--- Supplied data ---

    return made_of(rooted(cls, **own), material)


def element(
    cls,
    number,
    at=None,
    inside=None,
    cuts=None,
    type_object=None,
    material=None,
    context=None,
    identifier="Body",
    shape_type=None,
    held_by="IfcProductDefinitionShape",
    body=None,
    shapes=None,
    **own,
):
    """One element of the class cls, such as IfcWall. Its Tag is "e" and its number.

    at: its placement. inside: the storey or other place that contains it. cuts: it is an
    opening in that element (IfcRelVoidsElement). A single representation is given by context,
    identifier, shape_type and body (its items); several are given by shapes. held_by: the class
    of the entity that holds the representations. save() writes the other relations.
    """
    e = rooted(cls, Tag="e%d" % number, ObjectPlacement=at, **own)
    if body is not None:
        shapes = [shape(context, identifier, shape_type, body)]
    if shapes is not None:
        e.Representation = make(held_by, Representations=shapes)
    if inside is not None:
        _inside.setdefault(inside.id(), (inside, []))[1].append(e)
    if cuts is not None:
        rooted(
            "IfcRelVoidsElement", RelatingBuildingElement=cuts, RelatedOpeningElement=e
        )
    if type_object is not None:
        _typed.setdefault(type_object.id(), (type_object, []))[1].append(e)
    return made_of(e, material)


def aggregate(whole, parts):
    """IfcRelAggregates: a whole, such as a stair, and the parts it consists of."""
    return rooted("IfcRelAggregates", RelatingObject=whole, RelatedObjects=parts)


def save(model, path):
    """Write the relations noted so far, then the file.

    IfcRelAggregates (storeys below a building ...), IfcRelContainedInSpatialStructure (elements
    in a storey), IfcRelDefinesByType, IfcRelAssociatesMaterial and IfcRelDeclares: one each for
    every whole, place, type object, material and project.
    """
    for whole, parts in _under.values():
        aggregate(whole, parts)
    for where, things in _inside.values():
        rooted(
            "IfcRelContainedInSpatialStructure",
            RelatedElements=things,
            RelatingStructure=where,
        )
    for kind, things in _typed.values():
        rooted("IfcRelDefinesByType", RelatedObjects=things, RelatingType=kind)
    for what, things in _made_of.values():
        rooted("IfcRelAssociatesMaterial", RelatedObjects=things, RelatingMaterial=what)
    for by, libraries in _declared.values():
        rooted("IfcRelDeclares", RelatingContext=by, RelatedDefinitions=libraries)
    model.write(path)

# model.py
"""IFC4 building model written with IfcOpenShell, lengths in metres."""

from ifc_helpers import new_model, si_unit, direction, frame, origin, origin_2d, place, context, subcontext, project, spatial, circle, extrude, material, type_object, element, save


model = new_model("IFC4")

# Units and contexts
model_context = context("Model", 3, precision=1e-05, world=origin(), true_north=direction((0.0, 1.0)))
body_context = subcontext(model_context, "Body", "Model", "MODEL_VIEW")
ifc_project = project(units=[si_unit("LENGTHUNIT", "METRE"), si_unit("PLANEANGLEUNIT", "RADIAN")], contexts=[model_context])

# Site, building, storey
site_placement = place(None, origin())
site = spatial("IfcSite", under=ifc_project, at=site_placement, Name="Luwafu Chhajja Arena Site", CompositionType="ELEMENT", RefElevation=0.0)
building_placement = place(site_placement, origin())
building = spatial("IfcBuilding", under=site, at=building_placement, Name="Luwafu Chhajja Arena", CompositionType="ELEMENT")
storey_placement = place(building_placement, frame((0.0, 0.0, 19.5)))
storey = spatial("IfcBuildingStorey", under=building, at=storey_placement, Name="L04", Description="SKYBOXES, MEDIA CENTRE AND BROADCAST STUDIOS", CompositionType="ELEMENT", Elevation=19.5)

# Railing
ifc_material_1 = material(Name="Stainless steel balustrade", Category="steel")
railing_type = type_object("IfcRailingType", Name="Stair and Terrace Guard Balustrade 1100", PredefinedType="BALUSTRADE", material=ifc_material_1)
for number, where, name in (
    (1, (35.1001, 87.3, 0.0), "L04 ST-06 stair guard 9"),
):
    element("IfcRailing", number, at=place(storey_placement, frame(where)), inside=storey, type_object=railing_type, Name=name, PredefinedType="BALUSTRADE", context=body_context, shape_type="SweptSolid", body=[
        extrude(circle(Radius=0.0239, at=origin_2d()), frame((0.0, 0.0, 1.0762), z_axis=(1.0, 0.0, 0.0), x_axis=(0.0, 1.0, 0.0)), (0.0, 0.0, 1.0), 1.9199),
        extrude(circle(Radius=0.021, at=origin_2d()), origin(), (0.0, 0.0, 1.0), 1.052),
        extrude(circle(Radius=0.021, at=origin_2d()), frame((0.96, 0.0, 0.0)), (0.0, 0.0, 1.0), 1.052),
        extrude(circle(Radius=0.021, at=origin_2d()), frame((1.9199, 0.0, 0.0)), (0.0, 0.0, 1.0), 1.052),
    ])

---

Goal of the exercise: Among the entries, find each line that includes the string "things" and copy it.

Exercise response:
    for where, things in _inside.values():
            RelatedElements=things,
    for kind, things in _typed.values():
        rooted("IfcRelDefinesByType", RelatedObjects=things, RelatingType=kind)
    for what, things in _made_of.values():
        rooted("IfcRelAssociatesMaterial", RelatedObjects=things, RelatingMaterial=what)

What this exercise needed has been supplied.